WHAT IS REQUIRED: In the records below, find the line containing "#166=IFCSHAPEREPRESENTATION(#59,'Body','Tessellation',(#165));" and the line containing "#175=IFCINDEXEDPOLYGONALFACE((5,7,8,6));"; please repeat exactly the lines from one to the other, both included, and nothing more.

MATERIAL PROVIDED:

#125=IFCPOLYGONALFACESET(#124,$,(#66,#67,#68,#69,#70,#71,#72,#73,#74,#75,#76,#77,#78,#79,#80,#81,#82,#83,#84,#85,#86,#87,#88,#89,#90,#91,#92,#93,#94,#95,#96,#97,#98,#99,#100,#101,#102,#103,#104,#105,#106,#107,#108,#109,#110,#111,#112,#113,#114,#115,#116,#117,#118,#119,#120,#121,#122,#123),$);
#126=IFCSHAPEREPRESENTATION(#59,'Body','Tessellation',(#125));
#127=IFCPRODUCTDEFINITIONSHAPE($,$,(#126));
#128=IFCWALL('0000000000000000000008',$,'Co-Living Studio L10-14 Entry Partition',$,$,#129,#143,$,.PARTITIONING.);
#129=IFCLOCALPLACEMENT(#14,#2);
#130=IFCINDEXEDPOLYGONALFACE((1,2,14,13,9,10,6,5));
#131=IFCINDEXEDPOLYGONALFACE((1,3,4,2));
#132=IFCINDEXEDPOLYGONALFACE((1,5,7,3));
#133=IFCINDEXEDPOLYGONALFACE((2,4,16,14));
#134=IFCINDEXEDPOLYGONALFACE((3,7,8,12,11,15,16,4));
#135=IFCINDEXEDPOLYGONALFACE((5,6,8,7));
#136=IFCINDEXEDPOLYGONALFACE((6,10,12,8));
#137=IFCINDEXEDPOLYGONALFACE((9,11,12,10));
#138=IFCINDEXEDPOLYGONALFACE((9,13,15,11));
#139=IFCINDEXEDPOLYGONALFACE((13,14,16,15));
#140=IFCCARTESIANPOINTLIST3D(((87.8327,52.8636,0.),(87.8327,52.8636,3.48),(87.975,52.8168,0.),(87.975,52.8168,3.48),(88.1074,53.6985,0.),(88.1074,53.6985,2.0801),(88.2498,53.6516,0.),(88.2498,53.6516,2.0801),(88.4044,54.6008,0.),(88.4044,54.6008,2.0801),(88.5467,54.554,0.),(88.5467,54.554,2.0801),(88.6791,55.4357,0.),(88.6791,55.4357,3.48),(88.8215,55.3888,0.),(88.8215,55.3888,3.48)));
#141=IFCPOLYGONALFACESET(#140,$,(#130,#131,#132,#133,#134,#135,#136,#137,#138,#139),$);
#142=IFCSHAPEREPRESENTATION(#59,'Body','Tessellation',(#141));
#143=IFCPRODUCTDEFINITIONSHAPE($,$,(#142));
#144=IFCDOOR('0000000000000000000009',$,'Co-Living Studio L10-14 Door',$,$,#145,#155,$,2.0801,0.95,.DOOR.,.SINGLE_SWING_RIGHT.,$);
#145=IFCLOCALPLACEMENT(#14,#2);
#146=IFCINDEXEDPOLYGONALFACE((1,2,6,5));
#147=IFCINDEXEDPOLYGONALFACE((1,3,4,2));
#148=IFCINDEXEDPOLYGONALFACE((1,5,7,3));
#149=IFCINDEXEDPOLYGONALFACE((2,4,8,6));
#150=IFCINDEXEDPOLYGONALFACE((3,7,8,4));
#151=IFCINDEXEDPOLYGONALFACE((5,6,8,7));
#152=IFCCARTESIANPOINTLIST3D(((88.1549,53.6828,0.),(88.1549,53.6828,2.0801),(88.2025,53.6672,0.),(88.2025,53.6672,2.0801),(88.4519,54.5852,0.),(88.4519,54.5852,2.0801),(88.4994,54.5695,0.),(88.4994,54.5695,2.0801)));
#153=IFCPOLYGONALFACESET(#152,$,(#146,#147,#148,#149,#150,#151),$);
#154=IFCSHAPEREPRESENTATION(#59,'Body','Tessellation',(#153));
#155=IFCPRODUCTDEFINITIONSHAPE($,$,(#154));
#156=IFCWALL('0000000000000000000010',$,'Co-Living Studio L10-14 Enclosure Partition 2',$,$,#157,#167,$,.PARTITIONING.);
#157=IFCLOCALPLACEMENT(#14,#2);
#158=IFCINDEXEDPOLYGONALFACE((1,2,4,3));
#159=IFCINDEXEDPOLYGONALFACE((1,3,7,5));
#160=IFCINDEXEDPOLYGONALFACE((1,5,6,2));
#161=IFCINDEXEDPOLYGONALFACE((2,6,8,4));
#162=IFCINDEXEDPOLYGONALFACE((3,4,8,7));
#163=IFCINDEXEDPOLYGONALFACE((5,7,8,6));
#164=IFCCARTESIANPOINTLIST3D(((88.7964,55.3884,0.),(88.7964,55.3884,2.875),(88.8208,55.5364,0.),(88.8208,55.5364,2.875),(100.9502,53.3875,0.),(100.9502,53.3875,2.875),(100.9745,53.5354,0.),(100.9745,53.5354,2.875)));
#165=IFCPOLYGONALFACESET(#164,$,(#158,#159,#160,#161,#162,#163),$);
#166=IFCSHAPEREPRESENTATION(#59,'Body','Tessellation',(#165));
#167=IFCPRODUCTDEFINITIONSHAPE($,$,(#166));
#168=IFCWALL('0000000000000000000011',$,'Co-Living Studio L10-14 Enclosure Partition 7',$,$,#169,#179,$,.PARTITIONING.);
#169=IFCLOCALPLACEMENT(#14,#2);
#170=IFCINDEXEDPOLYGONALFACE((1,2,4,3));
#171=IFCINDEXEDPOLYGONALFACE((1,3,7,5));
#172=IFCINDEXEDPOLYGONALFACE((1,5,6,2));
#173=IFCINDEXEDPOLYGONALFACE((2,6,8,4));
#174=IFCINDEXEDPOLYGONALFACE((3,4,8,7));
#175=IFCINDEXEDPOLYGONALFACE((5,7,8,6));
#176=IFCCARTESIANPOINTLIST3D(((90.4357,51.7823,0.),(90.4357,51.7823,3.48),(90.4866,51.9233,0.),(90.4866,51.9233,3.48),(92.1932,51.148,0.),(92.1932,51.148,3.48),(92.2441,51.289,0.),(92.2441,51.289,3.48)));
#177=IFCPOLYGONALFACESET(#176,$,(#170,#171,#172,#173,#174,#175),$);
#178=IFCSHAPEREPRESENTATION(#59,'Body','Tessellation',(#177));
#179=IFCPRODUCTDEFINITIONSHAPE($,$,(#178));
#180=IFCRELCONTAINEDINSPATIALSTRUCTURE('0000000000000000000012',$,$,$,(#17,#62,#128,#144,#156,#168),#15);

ANSWER AREA:
#166=IFCSHAPEREPRESENTATION(#59,'Body','Tessellation',(#165));
#167=IFCPRODUCTDEFINITIONSHAPE($,$,(#166));
#168=IFCWALL('0000000000000000000011',$,'Co-Living Studio L10-14 Enclosure Partition 7',$,$,#169,#179,$,.PARTITIONING.);
#169=IFCLOCALPLACEMENT(#14,#2);
#170=IFCINDEXEDPOLYGONALFACE((1,2,4,3));
#171=IFCINDEXEDPOLYGONALFACE((1,3,7,5));
#172=IFCINDEXEDPOLYGONALFACE((1,5,6,2));
#173=IFCINDEXEDPOLYGONALFACE((2,6,8,4));
#174=IFCINDEXEDPOLYGONALFACE((3,4,8,7));
#175=IFCINDEXEDPOLYGONALFACE((5,7,8,6));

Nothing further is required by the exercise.